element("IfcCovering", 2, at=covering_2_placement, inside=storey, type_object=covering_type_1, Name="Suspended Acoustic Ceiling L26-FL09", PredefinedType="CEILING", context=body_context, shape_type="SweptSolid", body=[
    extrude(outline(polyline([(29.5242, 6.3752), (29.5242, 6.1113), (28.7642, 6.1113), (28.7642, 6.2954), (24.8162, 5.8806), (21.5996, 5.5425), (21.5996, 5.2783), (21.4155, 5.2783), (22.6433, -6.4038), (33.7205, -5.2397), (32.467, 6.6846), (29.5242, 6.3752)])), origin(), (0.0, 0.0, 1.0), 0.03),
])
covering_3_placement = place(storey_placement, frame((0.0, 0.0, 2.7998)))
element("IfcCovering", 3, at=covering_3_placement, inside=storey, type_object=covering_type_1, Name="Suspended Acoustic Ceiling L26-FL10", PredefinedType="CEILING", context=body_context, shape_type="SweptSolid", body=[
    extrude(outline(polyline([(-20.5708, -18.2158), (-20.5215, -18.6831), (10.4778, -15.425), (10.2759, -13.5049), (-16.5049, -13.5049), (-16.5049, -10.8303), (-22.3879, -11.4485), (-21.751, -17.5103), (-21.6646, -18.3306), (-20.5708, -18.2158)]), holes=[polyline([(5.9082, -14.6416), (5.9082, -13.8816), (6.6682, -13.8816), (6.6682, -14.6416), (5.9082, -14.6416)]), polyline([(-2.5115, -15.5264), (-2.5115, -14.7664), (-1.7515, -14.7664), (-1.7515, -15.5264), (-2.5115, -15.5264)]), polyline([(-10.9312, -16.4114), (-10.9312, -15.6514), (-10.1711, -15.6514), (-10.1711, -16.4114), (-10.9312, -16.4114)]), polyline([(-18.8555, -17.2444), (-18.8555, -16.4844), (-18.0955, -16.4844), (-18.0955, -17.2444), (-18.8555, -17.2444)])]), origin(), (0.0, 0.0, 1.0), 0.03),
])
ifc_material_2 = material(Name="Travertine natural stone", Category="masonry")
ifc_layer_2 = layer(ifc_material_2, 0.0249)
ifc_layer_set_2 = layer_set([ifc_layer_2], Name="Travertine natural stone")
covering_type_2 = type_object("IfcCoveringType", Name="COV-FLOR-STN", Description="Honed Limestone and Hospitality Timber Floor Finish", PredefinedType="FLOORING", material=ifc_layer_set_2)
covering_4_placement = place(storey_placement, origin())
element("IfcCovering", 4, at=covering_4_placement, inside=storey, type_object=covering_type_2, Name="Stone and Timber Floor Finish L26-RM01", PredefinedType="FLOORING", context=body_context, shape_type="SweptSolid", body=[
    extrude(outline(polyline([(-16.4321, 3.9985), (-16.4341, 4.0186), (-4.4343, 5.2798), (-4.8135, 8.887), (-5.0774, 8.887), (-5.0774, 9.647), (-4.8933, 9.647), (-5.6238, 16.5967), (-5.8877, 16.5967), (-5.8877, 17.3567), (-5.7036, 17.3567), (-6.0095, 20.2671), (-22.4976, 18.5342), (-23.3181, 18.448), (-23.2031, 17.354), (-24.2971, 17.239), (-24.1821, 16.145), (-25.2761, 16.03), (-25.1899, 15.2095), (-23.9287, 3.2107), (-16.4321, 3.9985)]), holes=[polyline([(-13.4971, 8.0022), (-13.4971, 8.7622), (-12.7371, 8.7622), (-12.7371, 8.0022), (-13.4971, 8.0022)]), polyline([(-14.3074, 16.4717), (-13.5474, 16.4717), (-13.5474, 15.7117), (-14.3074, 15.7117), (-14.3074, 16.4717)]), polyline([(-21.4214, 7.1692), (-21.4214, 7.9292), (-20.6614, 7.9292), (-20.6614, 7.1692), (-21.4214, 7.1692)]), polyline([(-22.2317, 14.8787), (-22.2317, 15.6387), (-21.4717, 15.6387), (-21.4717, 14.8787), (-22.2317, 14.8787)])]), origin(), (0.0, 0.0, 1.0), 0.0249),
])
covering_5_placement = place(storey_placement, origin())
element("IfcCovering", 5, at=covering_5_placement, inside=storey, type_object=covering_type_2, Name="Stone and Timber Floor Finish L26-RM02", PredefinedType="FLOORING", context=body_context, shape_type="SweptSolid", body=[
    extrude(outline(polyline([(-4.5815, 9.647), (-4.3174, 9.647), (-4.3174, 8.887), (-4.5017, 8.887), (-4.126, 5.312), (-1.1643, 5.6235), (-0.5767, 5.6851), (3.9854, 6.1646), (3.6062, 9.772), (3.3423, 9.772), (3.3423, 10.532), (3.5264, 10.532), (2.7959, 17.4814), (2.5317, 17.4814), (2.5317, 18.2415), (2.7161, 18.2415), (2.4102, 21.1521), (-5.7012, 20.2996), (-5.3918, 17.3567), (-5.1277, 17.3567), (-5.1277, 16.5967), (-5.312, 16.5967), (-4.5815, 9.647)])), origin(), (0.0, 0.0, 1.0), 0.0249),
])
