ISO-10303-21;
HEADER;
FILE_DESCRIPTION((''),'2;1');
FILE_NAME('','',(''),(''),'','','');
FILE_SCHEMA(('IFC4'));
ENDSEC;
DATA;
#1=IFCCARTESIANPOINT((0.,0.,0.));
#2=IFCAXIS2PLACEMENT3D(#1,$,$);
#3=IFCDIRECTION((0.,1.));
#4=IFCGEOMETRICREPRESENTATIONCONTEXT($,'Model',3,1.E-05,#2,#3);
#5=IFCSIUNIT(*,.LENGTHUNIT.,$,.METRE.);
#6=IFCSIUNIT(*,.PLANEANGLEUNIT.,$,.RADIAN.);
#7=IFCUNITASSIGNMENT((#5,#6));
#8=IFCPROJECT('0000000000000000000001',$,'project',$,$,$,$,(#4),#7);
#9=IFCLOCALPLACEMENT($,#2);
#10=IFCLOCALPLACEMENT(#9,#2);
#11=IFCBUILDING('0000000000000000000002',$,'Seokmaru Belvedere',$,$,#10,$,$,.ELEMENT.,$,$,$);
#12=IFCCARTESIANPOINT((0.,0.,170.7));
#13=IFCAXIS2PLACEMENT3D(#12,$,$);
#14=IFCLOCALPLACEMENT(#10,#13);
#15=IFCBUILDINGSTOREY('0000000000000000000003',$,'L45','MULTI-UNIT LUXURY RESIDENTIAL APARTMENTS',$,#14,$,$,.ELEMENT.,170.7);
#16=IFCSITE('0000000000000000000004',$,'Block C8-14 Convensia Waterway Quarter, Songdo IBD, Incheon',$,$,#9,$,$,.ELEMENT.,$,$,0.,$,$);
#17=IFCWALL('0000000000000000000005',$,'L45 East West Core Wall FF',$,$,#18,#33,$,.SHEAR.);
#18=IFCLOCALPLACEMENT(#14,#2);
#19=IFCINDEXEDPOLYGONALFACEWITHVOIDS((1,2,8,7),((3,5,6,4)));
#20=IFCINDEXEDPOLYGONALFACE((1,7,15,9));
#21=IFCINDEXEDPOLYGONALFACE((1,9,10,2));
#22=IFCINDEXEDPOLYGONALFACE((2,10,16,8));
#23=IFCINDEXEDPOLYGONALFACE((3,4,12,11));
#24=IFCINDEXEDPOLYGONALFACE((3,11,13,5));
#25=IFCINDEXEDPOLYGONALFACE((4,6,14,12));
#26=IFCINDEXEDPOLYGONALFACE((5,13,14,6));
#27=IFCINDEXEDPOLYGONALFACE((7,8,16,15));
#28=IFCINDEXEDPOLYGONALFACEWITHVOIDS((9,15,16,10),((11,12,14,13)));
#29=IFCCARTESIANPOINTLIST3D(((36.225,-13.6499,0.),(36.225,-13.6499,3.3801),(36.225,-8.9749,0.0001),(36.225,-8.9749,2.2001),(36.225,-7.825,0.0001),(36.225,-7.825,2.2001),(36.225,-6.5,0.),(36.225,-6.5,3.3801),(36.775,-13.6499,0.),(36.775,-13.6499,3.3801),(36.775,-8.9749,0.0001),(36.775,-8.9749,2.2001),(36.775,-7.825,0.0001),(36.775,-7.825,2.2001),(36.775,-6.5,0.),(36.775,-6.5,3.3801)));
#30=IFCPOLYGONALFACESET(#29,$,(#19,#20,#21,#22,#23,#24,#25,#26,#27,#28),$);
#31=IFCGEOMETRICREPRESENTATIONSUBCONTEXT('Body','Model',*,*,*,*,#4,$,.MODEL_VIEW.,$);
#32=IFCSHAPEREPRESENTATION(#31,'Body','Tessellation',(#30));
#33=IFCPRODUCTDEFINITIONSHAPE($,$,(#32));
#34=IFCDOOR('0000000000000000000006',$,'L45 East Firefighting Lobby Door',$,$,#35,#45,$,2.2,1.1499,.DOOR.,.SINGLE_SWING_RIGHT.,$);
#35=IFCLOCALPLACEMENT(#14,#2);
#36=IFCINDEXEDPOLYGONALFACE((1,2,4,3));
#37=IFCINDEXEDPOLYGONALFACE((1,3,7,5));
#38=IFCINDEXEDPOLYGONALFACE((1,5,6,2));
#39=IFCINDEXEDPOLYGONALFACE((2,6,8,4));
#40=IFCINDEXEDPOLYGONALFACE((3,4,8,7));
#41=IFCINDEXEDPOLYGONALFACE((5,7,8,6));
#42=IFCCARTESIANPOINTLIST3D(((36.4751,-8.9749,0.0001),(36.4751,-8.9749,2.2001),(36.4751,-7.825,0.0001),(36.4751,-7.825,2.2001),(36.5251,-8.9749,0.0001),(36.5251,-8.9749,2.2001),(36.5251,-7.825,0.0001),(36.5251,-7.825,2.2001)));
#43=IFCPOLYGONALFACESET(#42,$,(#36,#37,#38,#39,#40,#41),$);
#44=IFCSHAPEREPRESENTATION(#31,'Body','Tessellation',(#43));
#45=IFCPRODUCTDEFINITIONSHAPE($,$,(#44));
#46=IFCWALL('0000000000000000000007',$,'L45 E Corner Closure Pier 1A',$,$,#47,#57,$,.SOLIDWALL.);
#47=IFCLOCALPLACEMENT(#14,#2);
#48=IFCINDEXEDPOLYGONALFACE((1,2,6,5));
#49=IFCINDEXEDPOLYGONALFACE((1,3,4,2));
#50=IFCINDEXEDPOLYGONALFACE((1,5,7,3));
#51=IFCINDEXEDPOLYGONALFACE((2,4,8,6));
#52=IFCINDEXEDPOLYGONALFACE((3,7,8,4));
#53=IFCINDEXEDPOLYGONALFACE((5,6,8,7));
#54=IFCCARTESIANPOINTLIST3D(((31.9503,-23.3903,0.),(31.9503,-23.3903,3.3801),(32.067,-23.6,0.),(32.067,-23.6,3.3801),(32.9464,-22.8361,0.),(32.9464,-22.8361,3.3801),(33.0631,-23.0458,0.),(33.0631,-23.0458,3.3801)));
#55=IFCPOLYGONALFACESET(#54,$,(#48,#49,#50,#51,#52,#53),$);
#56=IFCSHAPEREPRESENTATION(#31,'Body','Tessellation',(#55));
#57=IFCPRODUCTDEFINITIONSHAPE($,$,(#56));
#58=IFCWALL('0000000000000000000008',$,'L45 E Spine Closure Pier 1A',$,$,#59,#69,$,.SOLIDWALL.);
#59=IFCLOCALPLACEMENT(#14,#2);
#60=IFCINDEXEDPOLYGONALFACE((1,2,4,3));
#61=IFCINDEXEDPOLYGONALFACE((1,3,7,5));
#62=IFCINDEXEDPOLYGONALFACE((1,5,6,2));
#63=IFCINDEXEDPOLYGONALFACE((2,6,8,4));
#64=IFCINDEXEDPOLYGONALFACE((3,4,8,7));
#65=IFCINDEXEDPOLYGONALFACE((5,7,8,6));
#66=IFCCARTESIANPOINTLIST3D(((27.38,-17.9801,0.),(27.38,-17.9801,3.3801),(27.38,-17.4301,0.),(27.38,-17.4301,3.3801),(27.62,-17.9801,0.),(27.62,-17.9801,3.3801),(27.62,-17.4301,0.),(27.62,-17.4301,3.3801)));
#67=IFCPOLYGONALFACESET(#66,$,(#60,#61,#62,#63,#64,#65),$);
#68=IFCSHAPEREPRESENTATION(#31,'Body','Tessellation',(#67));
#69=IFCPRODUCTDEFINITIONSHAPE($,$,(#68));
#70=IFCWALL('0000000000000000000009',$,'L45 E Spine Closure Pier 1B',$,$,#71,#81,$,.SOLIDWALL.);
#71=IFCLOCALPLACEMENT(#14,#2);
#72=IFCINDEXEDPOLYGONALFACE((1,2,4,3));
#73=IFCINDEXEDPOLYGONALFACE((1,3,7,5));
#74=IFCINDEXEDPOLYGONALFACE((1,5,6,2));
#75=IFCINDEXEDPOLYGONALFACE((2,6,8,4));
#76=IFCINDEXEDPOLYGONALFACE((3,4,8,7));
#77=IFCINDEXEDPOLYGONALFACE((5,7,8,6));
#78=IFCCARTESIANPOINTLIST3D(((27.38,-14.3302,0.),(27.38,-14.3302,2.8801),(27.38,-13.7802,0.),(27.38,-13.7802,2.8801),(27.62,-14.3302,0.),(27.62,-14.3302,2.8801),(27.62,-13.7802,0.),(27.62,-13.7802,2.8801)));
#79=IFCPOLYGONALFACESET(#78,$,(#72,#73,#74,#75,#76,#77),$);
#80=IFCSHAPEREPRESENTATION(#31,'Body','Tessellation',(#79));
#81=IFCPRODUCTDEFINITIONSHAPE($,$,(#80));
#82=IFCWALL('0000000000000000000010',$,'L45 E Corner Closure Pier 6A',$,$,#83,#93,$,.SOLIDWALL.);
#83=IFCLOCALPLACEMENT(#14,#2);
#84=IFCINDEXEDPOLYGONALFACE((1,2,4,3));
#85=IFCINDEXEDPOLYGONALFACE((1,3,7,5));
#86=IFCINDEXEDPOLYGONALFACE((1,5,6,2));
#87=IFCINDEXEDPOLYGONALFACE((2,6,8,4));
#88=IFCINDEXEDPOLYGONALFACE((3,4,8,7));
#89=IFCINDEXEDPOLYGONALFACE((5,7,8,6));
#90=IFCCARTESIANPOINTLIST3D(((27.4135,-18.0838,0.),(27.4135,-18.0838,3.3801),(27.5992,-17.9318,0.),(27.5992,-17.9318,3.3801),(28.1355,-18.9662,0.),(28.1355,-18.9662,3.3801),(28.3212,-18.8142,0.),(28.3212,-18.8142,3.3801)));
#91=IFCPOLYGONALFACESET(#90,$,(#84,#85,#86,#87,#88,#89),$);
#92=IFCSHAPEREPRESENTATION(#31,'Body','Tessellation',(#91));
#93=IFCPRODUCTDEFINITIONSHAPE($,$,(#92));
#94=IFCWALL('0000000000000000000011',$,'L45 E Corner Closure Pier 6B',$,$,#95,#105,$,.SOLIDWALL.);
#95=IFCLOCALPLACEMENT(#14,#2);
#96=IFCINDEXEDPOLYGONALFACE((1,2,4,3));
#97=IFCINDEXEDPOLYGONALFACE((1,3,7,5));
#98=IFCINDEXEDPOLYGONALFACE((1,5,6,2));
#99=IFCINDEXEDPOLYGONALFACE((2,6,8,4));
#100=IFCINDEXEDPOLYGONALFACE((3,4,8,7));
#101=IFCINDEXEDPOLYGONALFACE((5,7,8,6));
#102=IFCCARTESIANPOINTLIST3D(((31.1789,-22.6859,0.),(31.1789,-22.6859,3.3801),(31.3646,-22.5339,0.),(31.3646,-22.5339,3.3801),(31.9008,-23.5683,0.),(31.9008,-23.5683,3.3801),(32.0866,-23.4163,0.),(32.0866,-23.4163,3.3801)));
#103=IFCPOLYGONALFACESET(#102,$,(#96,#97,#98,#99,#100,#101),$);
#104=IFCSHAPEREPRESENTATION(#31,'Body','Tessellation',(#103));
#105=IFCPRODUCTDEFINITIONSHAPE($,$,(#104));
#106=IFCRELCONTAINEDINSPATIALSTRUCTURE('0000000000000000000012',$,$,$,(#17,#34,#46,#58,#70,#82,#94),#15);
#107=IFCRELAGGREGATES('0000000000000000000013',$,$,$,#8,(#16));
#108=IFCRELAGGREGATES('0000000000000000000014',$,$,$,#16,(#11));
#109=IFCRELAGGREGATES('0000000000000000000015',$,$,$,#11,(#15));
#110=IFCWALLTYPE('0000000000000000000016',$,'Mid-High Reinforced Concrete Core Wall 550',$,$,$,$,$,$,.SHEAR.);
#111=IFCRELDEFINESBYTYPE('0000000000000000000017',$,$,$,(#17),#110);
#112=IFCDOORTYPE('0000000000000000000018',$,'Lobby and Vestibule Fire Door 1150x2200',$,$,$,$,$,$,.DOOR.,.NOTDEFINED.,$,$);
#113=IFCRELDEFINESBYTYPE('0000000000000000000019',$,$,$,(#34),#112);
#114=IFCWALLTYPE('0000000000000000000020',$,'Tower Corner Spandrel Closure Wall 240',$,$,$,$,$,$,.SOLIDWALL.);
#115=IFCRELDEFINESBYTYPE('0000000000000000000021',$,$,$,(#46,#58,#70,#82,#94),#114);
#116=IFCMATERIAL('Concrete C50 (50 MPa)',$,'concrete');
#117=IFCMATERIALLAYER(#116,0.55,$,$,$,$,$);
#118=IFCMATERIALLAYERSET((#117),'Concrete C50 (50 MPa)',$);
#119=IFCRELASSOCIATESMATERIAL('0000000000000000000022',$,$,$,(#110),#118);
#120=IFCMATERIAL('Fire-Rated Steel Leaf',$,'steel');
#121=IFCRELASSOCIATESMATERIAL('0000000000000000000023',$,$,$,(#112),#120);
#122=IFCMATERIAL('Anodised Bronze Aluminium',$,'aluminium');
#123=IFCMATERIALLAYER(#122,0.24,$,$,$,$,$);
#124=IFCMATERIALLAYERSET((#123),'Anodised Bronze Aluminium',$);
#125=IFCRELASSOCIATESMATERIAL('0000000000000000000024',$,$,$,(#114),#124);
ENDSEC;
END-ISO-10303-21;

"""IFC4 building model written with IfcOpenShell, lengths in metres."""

from ifc_helpers import new_model, si_unit, direction, frame, frame_2d, origin, place, context, subcontext, project, spatial, rectangle, extrude, source, transform, mapped, material, layer, layer_set, type_object, type_shapes, element, fill, save


model = new_model("IFC4")

# Units and contexts
model_context = context("Model", 3, precision=1e-05, world=origin(), true_north=direction((0.0, 1.0)))
body_context = subcontext(model_context, "Body", "Model", "MODEL_VIEW")
ifc_project = project(units=[si_unit("LENGTHUNIT", "METRE"), si_unit("PLANEANGLEUNIT", "RADIAN")], contexts=[model_context])

# Site, building, storey
site_placement = place(None, origin())
site = spatial("IfcSite", under=ifc_project, at=site_placement, Name="Block C8-14 Convensia Waterway Quarter, Songdo IBD, Incheon", CompositionType="ELEMENT", RefElevation=0.0)
building_placement = place(site_placement, origin())
building = spatial("IfcBuilding", under=site, at=building_placement, Name="Seokmaru Belvedere", CompositionType="ELEMENT")
storey_placement = place(building_placement, frame((0.0, 0.0, 170.7)))
storey = spatial("IfcBuildingStorey", under=building, at=storey_placement, Name="L45", Description="MULTI-UNIT LUXURY RESIDENTIAL APARTMENTS", CompositionType="ELEMENT", Elevation=170.7)

# Shared definitions
ifc_material_1 = material(Name="Anodised Bronze Aluminium", Category="aluminium")

# Wall, opening, door
ifc_material_2 = material(Name="Concrete C50 (50 MPa)", Category="concrete")
ifc_layer_1 = layer(ifc_material_2, 0.55)
ifc_layer_set_1 = layer_set([ifc_layer_1], Name="Concrete C50 (50 MPa)")
wall_type_1 = type_object("IfcWallType", Name="Mid-High Reinforced Concrete Core Wall 550", PredefinedType="SHEAR", material=ifc_layer_set_1)
wall_1_placement = place(storey_placement, frame((36.5, -13.6499, 0.0), z_axis=(0.0, 0.0, 1.0), x_axis=(0.0, 1.0, 0.0)))
wall_1 = element("IfcWall", 1, at=wall_1_placement, inside=storey, type_object=wall_type_1, Name="L45 East West Core Wall FF", PredefinedType="SHEAR", context=body_context, shape_type="SweptSolid", body=[
    extrude(rectangle(XDim=7.1499, YDim=0.55, at=frame_2d((3.575, 0.0))), origin(), (0.0, 0.0, 1.0), 3.3801),
])
opening_placement = place(wall_1_placement, frame((4.675, 0.0, 0.0)))
opening = element("IfcOpeningElement", 2, at=opening_placement, cuts=wall_1, PredefinedType="OPENING", context=body_context, shape_type="SweptSolid", body=[
    extrude(rectangle(XDim=1.1499, YDim=2.2, at=frame_2d((0.575, 1.1001))), frame((0.0, 0.2852, 0.0), z_axis=(0.0, -1.0, 0.0), x_axis=(1.0, 0.0, 0.0)), (0.0, 0.0, 1.0), 0.5701),
])
ifc_material_3 = material(Name="Fire-Rated Steel Leaf", Category="steel")
door_type = type_object("IfcDoorType", Name="Lobby and Vestibule Fire Door 1150x2200", OperationType="NOTDEFINED", PredefinedType="DOOR", material=ifc_material_3)
shared_shape_1 = source(origin(), body_context, "Body", "SweptSolid", [
    extrude(rectangle(XDim=1.1499, YDim=2.2, at=frame_2d((0.575, 1.1001))), frame((0.0, 0.0249, 0.0), z_axis=(0.0, -1.0, 0.0), x_axis=(1.0, 0.0, 0.0)), (0.0, 0.0, 1.0), 0.05),
])
type_shapes(door_type, [shared_shape_1])
door_placement = place(opening_placement, origin())
door = element("IfcDoor", 3, at=door_placement, inside=storey, type_object=door_type, Name="L45 East Firefighting Lobby Door", OperationType="SINGLE_SWING_RIGHT", OverallHeight=2.2, OverallWidth=1.1499, PredefinedType="DOOR", context=body_context, shape_type="MappedRepresentation", body=[
    mapped(shared_shape_1, transform((0.0, 0.0, 0.0), scale=1.0)),
])
fill(opening, door)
____________
From the entries above, return exactly the line containing "#83=IFCLOCALPLACEMENT(#14,#2);", the line containing "#98=IFCINDEXEDPOLYGONALFACE((1,5,6,2));", and all lines between, and nothing else.

* _OUTPUT OF THE TASK_
#83=IFCLOCALPLACEMENT(#14,#2);
#84=IFCINDEXEDPOLYGONALFACE((1,2,4,3));
#85=IFCINDEXEDPOLYGONALFACE((1,3,7,5));
#86=IFCINDEXEDPOLYGONALFACE((1,5,6,2));
#87=IFCINDEXEDPOLYGONALFACE((2,6,8,4));
#88=IFCINDEXEDPOLYGONALFACE((3,4,8,7));
#89=IFCINDEXEDPOLYGONALFACE((5,7,8,6));
#90=IFCCARTESIANPOINTLIST3D(((27.4135,-18.0838,0.),(27.4135,-18.0838,3.3801),(27.5992,-17.9318,0.),(27.5992,-17.9318,3.3801),(28.1355,-18.9662,0.),(28.1355,-18.9662,3.3801),(28.3212,-18.8142,0.),(28.3212,-18.8142,3.3801)));
#91=IFCPOLYGONALFACESET(#90,$,(#84,#85,#86,#87,#88,#89),$);
#92=IFCSHAPEREPRESENTATION(#31,'Body','Tessellation',(#91));
#93=IFCPRODUCTDEFINITIONSHAPE($,$,(#92));
#94=IFCWALL('0000000000000000000011',$,'L45 E Corner Closure Pier 6B',$,$,#95,#105,$,.SOLIDWALL.);
#95=IFCLOCALPLACEMENT(#14,#2);
#96=IFCINDEXEDPOLYGONALFACE((1,2,4,3));
#97=IFCINDEXEDPOLYGONALFACE((1,3,7,5));
#98=IFCINDEXEDPOLYGONALFACE((1,5,6,2));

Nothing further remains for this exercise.